▶ [PROBLEM DESCRIPTION]: Output range, inclusive: from the line containing "from ifc_helpers import" to the line containing "#187=IFCPRODUCTDEFINITIONSHAPE($,$,(#186));". Restate those lines from the data below word for word and only those.

▶ [Dataset entries]:
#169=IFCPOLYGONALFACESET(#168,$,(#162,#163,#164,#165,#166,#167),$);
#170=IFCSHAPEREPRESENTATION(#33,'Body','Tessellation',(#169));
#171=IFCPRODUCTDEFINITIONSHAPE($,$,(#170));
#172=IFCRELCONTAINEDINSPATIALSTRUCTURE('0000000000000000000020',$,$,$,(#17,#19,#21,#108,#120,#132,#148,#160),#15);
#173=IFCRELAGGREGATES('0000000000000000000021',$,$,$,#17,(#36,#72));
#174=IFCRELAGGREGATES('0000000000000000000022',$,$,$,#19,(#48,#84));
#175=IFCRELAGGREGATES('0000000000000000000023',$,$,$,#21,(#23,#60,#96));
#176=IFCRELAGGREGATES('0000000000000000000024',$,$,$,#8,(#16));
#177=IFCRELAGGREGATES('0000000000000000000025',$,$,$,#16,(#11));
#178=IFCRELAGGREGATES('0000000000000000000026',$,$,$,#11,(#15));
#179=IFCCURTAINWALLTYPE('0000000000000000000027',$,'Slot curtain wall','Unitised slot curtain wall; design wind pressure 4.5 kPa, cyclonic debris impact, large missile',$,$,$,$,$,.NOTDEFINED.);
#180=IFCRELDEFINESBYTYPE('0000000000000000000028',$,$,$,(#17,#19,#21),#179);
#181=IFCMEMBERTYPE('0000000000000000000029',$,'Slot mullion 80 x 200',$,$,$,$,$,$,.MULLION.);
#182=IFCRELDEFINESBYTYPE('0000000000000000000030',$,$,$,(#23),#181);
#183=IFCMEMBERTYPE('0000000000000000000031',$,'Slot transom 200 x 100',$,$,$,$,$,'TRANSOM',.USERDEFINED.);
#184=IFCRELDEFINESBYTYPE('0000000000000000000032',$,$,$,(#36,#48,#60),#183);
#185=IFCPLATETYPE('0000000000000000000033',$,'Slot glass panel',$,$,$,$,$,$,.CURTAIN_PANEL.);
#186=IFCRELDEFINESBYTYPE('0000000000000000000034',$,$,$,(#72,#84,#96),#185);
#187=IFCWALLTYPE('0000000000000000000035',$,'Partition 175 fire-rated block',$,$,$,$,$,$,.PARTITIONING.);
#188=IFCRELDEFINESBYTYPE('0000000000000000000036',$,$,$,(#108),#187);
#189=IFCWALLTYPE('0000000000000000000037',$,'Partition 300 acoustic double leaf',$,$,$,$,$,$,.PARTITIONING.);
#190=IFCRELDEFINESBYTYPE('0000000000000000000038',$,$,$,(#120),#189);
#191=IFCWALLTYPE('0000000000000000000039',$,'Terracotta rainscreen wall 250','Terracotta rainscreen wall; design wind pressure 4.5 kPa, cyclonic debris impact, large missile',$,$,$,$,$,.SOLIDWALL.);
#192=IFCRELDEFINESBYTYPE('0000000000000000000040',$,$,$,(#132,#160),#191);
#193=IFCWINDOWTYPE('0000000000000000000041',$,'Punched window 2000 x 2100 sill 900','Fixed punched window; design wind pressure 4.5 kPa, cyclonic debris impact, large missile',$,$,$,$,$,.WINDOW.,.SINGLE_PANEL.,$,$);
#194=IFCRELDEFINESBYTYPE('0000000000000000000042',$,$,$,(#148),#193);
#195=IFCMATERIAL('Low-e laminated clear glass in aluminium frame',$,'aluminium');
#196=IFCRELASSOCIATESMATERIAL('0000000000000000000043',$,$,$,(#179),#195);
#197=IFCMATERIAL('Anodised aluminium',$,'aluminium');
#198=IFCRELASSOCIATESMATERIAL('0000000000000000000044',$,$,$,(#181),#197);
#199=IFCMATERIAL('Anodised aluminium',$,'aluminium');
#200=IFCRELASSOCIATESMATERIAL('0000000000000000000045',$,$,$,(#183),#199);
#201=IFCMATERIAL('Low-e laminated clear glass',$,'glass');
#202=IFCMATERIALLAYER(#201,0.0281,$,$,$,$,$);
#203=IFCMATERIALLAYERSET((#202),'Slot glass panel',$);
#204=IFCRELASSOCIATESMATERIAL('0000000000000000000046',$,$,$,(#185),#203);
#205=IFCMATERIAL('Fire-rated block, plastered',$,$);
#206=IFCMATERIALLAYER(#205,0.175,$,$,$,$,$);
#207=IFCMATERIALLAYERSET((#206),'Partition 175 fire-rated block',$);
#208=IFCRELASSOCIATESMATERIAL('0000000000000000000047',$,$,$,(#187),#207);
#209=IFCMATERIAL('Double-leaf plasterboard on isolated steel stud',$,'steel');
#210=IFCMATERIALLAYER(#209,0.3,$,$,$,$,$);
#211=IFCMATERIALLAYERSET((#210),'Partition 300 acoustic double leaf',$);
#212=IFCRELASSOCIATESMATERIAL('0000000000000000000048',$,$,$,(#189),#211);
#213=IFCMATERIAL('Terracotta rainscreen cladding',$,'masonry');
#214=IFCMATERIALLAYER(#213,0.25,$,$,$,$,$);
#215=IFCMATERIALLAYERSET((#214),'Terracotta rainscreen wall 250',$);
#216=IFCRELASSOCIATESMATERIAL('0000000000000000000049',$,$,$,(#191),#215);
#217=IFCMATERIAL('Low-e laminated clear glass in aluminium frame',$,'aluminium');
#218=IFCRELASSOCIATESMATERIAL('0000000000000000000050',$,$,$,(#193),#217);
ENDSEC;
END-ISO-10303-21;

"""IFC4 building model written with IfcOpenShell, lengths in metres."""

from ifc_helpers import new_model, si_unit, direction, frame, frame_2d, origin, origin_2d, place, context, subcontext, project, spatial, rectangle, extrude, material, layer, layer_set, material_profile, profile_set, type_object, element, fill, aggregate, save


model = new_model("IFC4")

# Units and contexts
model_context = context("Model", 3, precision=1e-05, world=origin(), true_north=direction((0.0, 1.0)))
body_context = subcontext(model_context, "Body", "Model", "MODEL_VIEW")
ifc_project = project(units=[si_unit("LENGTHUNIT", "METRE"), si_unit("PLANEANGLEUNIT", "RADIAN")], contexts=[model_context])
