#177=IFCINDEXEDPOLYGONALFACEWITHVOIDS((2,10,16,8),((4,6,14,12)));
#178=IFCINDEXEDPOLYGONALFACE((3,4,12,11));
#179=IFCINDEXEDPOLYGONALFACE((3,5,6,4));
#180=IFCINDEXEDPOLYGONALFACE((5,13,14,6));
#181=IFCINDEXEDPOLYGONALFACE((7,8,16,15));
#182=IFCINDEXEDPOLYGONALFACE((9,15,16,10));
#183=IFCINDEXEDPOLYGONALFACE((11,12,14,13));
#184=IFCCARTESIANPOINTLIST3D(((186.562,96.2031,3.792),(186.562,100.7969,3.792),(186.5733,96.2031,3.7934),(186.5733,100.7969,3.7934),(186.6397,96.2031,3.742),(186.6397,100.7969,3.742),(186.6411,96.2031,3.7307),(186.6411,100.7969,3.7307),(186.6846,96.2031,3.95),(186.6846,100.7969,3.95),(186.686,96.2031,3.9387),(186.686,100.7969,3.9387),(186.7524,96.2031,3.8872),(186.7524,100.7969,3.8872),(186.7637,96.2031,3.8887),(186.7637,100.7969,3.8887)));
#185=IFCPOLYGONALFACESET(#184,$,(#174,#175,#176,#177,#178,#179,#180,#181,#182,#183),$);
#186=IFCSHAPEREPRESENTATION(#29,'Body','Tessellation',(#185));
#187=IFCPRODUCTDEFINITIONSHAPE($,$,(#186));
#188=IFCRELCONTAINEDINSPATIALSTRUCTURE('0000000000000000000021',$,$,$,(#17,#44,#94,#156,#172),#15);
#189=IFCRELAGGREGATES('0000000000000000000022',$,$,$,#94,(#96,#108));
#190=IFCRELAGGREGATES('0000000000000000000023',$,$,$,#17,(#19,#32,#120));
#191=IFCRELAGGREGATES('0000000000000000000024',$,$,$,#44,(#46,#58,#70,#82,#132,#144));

▶ [SOLUTION TO THE PROBLEM]:
from ifc_helpers import new_model, si_unit, direction, frame, frame_2d, origin, origin_2d, place, context, subcontext, project, spatial, rectangle, extrude, material, layer, layer_set, material_profile, profile_set, type_object, element, fill, aggregate, save


model = new_model("IFC4")

# Units and contexts
model_context = context("Model", 3, precision=1e-05, world=origin(), true_north=direction((0.0, 1.0)))
body_context = subcontext(model_context, "Body", "Model", "MODEL_VIEW")
ifc_project = project(units=[si_unit("LENGTHUNIT", "METRE"), si_unit("PLANEANGLEUNIT", "RADIAN")], contexts=[model_context])
#177=IFCINDEXEDPOLYGONALFACEWITHVOIDS((2,10,16,8),((4,6,14,12)));
#178=IFCINDEXEDPOLYGONALFACE((3,4,12,11));
#179=IFCINDEXEDPOLYGONALFACE((3,5,6,4));
#180=IFCINDEXEDPOLYGONALFACE((5,13,14,6));
#181=IFCINDEXEDPOLYGONALFACE((7,8,16,15));
#182=IFCINDEXEDPOLYGONALFACE((9,15,16,10));
#183=IFCINDEXEDPOLYGONALFACE((11,12,14,13));
#184=IFCCARTESIANPOINTLIST3D(((186.562,96.2031,3.792),(186.562,100.7969,3.792),(186.5733,96.2031,3.7934),(186.5733,100.7969,3.7934),(186.6397,96.2031,3.742),(186.6397,100.7969,3.742),(186.6411,96.2031,3.7307),(186.6411,100.7969,3.7307),(186.6846,96.2031,3.95),(186.6846,100.7969,3.95),(186.686,96.2031,3.9387),(186.686,100.7969,3.9387),(186.7524,96.2031,3.8872),(186.7524,100.7969,3.8872),(186.7637,96.2031,3.8887),(186.7637,100.7969,3.8887)));
#185=IFCPOLYGONALFACESET(#184,$,(#174,#175,#176,#177,#178,#179,#180,#181,#182,#183),$);
#186=IFCSHAPEREPRESENTATION(#29,'Body','Tessellation',(#185));
#187=IFCPRODUCTDEFINITIONSHAPE($,$,(#186));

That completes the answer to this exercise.